◆ Exercise goal
Return all lines of the data in which the string "CompositionType" occurs.

◆ Dataset extract
-.-.-

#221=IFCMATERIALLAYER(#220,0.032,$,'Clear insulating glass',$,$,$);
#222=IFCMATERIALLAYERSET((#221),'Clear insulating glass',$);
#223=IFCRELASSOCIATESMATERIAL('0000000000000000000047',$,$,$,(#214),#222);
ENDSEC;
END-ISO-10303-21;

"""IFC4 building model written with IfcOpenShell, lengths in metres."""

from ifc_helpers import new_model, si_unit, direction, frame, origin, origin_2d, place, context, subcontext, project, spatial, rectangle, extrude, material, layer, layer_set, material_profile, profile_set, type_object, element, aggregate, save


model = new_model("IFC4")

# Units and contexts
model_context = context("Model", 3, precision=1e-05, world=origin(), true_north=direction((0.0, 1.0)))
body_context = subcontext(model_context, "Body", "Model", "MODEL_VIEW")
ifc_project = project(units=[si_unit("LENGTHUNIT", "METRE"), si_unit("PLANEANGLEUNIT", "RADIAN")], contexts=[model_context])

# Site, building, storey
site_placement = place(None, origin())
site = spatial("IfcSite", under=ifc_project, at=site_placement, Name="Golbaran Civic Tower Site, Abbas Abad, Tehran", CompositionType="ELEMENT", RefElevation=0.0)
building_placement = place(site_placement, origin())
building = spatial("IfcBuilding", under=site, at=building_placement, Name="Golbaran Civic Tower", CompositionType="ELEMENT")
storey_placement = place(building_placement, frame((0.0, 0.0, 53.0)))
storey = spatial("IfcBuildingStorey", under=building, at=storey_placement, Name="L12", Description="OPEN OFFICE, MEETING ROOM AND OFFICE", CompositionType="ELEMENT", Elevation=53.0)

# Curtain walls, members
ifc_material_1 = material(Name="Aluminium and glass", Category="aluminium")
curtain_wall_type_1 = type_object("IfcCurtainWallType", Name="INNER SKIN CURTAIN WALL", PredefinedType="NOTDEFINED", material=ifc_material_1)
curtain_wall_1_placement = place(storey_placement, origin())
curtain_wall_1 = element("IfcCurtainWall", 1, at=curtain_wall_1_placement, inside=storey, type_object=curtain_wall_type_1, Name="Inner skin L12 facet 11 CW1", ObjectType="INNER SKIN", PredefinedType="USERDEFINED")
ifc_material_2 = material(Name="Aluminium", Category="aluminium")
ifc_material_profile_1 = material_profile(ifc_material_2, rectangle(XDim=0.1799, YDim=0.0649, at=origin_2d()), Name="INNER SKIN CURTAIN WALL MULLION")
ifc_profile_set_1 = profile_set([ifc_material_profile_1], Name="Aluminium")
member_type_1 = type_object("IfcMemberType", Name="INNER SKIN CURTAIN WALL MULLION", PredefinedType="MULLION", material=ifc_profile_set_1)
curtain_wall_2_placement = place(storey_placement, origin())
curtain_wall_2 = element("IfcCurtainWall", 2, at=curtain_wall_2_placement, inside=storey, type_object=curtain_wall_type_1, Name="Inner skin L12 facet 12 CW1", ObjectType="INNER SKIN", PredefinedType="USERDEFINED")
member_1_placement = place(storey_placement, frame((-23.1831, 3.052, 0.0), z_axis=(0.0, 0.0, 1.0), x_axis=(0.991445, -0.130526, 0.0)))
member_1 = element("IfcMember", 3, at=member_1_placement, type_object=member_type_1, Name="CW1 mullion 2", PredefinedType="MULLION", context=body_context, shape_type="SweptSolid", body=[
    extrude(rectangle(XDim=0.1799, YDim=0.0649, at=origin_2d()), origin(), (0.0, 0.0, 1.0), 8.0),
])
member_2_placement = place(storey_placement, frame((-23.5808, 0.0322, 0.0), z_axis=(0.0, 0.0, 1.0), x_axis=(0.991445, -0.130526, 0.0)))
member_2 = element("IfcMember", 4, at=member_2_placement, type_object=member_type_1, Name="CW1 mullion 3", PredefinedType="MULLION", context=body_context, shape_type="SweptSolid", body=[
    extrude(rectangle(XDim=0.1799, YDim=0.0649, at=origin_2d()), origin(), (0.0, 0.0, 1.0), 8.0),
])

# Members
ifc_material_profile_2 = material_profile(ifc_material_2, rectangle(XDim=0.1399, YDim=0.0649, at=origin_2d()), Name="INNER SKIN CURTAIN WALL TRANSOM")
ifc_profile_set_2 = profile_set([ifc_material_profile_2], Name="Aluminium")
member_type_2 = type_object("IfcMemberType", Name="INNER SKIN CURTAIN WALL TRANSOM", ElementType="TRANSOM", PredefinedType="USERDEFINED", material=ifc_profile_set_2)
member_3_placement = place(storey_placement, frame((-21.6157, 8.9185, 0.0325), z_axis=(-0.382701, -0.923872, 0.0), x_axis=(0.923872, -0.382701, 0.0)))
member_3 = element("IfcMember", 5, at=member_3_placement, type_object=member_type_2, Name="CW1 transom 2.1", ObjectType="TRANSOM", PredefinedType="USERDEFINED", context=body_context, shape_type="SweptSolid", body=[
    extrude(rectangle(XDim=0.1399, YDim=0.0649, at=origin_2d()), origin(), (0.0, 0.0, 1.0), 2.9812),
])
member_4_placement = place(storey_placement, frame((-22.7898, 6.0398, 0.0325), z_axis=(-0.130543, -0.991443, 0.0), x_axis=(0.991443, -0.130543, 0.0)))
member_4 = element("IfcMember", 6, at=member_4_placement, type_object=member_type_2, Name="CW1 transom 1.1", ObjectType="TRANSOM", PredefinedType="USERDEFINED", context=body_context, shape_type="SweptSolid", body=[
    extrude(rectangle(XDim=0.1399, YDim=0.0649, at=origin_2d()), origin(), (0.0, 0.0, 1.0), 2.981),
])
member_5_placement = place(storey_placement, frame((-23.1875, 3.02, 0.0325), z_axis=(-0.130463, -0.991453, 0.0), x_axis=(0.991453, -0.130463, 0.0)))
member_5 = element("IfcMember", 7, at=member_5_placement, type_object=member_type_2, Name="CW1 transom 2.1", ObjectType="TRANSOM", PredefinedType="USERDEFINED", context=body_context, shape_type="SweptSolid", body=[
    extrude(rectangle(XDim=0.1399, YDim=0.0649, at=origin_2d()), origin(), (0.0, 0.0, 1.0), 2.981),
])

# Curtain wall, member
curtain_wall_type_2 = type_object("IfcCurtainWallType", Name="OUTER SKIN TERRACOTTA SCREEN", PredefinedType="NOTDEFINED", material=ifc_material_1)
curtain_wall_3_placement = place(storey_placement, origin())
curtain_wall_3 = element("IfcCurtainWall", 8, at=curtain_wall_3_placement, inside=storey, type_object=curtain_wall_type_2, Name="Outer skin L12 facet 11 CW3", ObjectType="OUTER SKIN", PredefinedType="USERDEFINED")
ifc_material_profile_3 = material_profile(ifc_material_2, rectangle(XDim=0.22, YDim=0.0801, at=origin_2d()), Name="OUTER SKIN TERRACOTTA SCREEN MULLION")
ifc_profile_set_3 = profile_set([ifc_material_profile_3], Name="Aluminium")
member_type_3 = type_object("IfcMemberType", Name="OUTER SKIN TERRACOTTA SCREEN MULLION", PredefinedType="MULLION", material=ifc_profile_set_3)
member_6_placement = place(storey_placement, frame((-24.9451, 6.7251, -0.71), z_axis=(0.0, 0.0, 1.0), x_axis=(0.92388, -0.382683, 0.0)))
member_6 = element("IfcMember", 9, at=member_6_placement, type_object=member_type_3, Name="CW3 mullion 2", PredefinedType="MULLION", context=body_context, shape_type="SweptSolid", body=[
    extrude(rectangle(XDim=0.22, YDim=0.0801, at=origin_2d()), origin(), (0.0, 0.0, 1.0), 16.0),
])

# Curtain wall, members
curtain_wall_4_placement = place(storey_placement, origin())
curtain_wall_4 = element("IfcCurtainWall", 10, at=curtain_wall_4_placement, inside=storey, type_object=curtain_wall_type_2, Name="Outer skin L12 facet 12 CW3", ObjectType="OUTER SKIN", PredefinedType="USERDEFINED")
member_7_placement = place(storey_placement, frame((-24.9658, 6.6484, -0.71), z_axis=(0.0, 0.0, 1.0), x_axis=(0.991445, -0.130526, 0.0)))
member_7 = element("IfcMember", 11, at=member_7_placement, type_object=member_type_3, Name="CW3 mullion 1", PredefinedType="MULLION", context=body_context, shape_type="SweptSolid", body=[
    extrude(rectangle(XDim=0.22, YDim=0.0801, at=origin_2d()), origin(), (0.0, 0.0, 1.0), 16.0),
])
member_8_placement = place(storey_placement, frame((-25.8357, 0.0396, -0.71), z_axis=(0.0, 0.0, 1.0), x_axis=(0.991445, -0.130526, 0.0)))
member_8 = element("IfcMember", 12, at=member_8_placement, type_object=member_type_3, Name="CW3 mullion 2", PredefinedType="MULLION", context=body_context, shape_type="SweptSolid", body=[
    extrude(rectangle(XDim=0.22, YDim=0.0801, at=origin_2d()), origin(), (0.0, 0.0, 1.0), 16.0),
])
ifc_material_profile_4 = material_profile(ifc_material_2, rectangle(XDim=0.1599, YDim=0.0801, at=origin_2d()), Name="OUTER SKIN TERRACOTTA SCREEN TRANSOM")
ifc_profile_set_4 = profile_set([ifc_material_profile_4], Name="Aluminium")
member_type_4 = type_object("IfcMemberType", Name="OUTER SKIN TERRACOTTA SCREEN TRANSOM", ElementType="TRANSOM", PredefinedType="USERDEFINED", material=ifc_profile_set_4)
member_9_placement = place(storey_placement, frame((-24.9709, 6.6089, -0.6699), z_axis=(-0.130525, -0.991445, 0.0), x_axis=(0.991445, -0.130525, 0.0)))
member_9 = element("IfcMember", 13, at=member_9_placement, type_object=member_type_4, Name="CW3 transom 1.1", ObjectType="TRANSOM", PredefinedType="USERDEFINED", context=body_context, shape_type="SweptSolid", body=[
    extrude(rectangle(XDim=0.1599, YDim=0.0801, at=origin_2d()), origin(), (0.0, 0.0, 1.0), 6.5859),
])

-.-.-

◆ Solution to this exercise
site = spatial("IfcSite", under=ifc_project, at=site_placement, Name="Golbaran Civic Tower Site, Abbas Abad, Tehran", CompositionType="ELEMENT", RefElevation=0.0)
building = spatial("IfcBuilding", under=site, at=building_placement, Name="Golbaran Civic Tower", CompositionType="ELEMENT")
storey = spatial("IfcBuildingStorey", under=building, at=storey_placement, Name="L12", Description="OPEN OFFICE, MEETING ROOM AND OFFICE", CompositionType="ELEMENT", Elevation=53.0)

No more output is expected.